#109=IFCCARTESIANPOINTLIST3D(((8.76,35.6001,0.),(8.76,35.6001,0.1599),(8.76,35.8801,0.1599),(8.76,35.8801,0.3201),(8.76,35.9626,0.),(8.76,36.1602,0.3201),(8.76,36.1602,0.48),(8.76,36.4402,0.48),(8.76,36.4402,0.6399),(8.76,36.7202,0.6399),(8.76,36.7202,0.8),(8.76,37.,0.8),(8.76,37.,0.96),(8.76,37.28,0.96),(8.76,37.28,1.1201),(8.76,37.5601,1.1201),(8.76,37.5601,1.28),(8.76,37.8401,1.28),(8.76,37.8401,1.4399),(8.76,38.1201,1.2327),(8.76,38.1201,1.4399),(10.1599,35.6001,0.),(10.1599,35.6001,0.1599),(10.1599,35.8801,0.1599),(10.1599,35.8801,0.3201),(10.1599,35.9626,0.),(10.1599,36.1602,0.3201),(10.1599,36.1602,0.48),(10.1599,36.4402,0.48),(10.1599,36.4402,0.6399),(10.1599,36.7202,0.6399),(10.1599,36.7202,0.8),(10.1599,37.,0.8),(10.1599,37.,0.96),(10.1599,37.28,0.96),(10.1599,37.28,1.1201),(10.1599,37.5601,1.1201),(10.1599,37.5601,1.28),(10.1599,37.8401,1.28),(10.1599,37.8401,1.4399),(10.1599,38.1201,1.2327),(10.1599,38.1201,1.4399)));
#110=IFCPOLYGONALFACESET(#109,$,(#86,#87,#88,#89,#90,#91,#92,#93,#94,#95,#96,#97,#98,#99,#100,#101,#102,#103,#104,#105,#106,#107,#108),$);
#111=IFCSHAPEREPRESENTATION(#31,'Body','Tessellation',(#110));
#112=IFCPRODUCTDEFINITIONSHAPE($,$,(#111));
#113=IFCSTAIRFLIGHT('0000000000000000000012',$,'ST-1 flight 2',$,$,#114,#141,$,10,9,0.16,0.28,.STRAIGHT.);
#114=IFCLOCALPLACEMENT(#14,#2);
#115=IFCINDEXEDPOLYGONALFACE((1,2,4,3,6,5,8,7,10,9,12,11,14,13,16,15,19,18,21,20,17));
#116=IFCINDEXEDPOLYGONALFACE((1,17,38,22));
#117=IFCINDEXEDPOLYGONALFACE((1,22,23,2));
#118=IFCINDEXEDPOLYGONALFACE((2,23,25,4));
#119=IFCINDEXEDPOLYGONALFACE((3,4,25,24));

### Work task
Your response should hold only an exact copy of the lines above, from the one containing "#111=IFCSHAPEREPRESENTATION(#31,'Body','Tessellation',(#110));" through the end of the entries.

### Response for this exercise
#111=IFCSHAPEREPRESENTATION(#31,'Body','Tessellation',(#110));
#112=IFCPRODUCTDEFINITIONSHAPE($,$,(#111));
#113=IFCSTAIRFLIGHT('0000000000000000000012',$,'ST-1 flight 2',$,$,#114,#141,$,10,9,0.16,0.28,.STRAIGHT.);
#114=IFCLOCALPLACEMENT(#14,#2);
#115=IFCINDEXEDPOLYGONALFACE((1,2,4,3,6,5,8,7,10,9,12,11,14,13,16,15,19,18,21,20,17));
#116=IFCINDEXEDPOLYGONALFACE((1,17,38,22));
#117=IFCINDEXEDPOLYGONALFACE((1,22,23,2));
#118=IFCINDEXEDPOLYGONALFACE((2,23,25,4));
#119=IFCINDEXEDPOLYGONALFACE((3,4,25,24));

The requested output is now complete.